- _Problem requirements_
Copy out the lines of the material that include the string "PARTITIONING".

- _Supplied material_
════════

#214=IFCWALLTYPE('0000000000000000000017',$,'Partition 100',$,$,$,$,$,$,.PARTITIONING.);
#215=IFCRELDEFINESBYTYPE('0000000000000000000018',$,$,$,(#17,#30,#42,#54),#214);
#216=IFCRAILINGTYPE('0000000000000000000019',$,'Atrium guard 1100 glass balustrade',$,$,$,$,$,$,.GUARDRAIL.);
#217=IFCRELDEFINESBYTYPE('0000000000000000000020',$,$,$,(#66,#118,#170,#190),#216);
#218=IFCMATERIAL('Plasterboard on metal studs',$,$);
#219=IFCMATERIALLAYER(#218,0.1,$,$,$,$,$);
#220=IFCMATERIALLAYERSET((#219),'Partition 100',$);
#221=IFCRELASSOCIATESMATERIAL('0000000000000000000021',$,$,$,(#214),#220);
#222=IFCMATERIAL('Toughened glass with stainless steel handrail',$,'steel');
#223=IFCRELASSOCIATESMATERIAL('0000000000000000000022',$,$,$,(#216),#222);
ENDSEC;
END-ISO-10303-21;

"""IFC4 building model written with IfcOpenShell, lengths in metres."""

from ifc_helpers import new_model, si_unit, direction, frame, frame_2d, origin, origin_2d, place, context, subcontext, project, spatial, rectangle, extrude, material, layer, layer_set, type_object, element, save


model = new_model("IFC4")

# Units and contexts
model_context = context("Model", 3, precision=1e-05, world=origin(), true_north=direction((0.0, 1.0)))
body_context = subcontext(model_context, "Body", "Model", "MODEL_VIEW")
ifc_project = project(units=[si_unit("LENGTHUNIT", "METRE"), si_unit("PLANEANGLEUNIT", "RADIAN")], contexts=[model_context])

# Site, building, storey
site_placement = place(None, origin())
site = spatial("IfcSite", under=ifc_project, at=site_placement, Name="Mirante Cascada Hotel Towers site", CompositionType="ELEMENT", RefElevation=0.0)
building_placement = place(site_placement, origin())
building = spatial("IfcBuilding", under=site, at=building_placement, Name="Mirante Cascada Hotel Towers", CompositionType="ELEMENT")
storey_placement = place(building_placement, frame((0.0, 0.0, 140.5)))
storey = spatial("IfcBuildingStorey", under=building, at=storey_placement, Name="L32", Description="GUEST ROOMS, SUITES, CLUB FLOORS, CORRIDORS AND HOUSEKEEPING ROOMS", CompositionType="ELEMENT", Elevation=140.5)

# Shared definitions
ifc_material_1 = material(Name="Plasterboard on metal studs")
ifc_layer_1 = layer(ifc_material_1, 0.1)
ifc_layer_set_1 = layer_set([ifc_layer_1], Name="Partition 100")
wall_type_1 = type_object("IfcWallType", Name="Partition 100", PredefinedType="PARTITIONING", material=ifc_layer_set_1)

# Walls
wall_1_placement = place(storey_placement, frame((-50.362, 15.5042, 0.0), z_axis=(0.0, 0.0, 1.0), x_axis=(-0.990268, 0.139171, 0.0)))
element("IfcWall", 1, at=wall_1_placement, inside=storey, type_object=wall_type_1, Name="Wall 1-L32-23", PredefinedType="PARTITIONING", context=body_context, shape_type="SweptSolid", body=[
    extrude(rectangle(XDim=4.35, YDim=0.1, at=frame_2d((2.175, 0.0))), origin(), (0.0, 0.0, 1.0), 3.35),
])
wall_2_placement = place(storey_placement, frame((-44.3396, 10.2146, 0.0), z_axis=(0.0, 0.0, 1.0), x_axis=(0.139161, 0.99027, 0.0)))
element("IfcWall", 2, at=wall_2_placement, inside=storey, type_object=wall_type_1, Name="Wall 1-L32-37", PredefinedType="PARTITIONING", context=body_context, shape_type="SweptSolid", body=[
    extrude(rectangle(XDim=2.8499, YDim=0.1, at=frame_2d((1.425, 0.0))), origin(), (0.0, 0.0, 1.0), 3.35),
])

════════

- _Answer section_
#214=IFCWALLTYPE('0000000000000000000017',$,'Partition 100',$,$,$,$,$,$,.PARTITIONING.);
wall_type_1 = type_object("IfcWallType", Name="Partition 100", PredefinedType="PARTITIONING", material=ifc_layer_set_1)
element("IfcWall", 1, at=wall_1_placement, inside=storey, type_object=wall_type_1, Name="Wall 1-L32-23", PredefinedType="PARTITIONING", context=body_context, shape_type="SweptSolid", body=[
element("IfcWall", 2, at=wall_2_placement, inside=storey, type_object=wall_type_1, Name="Wall 1-L32-37", PredefinedType="PARTITIONING", context=body_context, shape_type="SweptSolid", body=[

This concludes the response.